• Study material:
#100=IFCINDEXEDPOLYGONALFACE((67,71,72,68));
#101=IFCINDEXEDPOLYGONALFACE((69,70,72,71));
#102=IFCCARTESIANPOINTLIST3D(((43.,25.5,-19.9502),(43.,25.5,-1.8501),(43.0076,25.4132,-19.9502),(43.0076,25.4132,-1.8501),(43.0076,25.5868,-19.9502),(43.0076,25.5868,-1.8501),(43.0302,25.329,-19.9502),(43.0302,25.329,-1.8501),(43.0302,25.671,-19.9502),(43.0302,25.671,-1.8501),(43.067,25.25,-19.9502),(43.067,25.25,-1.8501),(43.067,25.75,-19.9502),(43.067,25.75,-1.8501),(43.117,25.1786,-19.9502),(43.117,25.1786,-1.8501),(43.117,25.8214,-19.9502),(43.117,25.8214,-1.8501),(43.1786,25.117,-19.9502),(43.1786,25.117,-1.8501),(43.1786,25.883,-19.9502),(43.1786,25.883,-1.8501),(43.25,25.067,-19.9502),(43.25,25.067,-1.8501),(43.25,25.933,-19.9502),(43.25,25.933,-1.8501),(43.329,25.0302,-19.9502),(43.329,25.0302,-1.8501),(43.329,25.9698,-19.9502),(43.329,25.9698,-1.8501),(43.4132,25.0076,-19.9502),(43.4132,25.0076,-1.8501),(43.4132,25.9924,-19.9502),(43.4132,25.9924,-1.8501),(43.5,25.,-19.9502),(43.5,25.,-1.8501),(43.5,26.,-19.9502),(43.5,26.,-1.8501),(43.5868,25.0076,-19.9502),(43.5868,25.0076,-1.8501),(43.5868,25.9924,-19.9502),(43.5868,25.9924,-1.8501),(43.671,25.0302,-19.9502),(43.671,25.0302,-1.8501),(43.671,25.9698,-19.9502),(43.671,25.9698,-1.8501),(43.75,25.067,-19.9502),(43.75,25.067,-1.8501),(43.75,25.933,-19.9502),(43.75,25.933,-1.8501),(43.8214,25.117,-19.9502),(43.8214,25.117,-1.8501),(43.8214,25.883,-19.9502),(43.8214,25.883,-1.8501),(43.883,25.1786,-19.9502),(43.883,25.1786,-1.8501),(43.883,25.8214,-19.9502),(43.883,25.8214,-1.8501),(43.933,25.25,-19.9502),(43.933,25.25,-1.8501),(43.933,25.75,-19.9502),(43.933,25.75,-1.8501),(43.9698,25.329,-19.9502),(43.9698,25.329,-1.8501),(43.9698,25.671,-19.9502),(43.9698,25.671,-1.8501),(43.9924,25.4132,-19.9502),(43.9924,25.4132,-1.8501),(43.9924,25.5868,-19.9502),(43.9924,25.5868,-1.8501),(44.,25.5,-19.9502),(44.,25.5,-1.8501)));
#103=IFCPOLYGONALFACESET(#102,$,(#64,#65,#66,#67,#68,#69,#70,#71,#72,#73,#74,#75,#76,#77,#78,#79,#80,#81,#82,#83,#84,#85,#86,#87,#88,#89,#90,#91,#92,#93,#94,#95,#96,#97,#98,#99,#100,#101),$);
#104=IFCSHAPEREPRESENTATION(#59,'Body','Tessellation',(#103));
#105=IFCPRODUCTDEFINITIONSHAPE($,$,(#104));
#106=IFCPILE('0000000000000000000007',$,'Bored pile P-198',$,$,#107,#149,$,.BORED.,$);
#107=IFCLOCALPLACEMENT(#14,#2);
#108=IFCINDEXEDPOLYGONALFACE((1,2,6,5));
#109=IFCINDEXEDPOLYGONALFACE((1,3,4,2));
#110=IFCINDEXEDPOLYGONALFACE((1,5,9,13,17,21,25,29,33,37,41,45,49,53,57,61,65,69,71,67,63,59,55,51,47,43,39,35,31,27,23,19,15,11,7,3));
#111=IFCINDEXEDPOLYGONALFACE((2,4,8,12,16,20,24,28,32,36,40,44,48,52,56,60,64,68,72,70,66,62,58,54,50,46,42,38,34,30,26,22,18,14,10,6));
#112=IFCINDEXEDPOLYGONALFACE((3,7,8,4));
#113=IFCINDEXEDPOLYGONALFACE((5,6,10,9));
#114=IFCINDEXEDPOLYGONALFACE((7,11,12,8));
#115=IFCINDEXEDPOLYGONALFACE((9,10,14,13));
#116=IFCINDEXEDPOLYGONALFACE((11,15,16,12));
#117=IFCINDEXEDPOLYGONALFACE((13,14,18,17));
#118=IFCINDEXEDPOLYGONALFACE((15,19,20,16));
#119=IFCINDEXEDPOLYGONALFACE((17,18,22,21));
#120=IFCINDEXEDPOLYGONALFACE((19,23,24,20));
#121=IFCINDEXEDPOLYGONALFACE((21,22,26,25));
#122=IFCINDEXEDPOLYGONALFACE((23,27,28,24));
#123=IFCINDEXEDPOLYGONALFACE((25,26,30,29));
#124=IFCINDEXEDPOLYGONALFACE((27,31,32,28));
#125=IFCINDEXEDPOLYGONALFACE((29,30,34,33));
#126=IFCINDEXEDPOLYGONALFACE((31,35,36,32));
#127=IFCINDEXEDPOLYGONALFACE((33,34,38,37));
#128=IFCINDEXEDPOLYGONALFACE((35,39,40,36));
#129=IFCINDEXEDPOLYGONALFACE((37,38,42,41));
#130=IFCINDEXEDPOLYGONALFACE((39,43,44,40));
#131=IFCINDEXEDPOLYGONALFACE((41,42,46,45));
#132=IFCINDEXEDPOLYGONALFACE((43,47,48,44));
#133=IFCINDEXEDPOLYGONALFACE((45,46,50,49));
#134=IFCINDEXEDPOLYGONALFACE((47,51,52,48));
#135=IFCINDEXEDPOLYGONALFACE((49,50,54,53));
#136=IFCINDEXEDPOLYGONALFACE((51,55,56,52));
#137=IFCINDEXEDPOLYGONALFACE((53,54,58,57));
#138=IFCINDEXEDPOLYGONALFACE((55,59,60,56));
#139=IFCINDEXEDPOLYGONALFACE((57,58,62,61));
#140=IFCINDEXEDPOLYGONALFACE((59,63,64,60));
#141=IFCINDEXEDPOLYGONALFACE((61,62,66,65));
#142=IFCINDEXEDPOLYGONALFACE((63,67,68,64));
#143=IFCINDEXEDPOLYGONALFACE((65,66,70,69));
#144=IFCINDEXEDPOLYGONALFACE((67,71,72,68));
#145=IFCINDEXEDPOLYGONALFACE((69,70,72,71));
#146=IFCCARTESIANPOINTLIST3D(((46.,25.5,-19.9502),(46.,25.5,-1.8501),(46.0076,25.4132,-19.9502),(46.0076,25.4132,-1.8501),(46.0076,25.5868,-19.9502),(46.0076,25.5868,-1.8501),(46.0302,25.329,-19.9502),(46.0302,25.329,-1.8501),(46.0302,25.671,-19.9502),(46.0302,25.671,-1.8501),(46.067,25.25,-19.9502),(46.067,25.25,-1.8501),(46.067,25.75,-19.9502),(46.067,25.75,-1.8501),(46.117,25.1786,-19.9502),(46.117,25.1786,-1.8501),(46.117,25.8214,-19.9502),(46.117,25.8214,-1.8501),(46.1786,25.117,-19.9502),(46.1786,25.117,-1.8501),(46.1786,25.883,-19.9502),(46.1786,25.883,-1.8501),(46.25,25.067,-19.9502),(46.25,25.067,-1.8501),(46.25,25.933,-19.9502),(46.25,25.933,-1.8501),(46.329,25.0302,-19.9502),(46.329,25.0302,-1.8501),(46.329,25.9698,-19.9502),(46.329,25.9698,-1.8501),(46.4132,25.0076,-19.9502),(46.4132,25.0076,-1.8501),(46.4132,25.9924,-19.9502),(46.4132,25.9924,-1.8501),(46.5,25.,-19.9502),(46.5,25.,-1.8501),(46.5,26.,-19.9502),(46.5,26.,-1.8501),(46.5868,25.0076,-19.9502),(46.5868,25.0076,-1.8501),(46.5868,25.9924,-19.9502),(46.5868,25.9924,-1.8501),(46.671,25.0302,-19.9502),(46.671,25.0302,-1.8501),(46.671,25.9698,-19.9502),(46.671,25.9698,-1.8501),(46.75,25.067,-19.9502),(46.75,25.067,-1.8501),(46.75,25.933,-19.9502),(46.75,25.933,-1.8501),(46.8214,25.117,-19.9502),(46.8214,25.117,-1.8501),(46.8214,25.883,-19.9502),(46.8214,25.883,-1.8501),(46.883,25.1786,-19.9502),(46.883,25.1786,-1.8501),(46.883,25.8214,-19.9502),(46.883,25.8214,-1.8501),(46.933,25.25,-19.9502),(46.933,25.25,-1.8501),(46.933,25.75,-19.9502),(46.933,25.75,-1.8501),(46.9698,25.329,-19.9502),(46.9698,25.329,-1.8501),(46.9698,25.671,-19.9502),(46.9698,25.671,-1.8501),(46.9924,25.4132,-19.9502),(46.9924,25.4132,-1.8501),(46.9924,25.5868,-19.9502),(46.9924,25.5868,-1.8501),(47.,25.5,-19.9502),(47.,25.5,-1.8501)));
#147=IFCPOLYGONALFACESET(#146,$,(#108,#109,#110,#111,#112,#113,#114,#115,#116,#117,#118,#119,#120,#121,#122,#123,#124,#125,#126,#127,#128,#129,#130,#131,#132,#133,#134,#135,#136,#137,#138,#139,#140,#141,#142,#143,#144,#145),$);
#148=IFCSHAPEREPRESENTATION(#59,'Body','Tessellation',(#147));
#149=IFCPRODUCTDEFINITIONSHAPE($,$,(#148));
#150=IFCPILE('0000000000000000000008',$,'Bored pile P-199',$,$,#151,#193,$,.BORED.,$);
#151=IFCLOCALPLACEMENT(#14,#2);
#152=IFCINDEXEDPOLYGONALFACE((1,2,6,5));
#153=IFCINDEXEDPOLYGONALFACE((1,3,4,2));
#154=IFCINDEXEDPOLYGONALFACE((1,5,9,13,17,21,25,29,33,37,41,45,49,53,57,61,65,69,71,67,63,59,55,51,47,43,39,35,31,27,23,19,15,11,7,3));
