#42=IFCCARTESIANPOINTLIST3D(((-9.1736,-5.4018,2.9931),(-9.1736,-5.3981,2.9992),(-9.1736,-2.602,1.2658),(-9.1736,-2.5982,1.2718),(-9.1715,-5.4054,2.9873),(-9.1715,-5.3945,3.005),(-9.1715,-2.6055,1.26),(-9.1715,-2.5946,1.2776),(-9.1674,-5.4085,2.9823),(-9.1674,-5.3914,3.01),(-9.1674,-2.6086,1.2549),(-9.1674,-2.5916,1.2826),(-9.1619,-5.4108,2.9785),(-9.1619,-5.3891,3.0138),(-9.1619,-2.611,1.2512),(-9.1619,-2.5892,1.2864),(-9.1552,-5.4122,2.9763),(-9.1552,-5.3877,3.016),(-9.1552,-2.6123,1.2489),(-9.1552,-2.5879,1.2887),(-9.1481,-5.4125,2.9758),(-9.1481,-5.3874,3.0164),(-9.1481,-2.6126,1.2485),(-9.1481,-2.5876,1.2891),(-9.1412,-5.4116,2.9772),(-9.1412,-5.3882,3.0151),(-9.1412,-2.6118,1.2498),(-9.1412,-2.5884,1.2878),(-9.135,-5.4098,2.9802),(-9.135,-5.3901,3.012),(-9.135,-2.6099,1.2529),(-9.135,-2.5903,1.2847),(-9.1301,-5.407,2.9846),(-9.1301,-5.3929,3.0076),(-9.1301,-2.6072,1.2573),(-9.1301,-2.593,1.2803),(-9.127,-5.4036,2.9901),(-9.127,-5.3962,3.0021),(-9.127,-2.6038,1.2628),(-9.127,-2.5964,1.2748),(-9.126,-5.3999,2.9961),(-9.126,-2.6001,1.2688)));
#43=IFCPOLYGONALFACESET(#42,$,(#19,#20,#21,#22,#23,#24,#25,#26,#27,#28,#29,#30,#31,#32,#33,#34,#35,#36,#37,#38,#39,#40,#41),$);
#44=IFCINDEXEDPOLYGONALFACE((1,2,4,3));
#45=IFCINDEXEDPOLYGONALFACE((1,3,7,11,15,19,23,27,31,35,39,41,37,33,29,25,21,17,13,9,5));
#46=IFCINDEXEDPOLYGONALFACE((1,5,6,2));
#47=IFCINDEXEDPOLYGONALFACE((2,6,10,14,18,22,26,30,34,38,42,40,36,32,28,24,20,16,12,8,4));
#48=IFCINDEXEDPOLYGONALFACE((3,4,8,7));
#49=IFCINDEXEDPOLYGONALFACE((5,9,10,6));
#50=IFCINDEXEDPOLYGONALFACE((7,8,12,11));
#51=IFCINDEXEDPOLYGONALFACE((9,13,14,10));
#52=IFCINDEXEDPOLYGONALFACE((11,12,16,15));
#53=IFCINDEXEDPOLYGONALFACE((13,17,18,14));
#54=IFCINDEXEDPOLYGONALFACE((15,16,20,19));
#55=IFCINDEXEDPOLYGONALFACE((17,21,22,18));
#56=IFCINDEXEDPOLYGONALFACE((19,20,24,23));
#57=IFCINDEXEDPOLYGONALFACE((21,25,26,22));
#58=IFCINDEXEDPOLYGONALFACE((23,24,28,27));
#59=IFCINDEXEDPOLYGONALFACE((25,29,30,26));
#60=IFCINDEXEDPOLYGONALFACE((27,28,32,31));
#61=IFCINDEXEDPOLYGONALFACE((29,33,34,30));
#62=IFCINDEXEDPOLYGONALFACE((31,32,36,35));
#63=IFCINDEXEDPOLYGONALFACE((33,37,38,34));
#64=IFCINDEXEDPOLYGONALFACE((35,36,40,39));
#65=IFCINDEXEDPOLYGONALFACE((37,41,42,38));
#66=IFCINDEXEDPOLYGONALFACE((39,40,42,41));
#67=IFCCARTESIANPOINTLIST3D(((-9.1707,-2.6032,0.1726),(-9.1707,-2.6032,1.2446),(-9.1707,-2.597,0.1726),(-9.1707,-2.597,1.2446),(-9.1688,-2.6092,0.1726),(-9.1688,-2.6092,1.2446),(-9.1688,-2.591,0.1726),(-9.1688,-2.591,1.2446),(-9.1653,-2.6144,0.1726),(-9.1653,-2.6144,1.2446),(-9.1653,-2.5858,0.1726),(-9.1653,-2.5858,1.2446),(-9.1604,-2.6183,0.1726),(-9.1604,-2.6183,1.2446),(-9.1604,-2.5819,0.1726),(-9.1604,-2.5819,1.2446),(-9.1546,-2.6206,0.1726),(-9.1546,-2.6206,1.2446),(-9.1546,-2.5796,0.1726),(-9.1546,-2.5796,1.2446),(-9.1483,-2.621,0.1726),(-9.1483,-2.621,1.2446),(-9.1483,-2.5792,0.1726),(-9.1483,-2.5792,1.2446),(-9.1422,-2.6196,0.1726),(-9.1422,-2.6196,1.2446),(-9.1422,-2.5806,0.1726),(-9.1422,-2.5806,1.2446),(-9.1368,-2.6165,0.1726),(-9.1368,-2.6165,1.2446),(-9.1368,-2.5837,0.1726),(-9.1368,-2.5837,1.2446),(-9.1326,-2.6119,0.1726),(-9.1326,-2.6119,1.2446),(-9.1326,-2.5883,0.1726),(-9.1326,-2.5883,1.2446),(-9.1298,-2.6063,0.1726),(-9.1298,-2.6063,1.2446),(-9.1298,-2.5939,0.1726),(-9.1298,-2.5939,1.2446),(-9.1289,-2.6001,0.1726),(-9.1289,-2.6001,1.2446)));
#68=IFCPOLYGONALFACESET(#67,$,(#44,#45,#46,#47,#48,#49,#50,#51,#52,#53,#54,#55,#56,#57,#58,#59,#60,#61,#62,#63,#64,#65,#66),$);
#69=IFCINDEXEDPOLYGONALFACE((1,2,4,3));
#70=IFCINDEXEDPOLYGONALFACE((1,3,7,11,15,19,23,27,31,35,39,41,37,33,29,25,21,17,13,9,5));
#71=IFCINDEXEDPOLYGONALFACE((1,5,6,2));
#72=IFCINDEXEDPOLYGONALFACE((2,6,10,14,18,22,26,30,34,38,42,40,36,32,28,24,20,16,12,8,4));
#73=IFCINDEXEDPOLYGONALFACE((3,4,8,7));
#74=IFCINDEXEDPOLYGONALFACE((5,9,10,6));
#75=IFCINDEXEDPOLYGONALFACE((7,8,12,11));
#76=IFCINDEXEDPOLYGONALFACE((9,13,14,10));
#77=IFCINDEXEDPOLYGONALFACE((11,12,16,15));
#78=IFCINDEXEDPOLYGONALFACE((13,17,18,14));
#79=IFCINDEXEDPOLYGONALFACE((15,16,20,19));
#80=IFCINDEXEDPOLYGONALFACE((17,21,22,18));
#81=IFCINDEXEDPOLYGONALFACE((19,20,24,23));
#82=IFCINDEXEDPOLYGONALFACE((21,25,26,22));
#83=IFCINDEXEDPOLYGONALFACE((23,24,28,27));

• Exercise goal: Each line above that contains the word "IFCLOCALPLACEMENT" must be copied.

• Exercise response:
#107=IFCLOCALPLACEMENT(#14,#2);
#151=IFCLOCALPLACEMENT(#14,#2);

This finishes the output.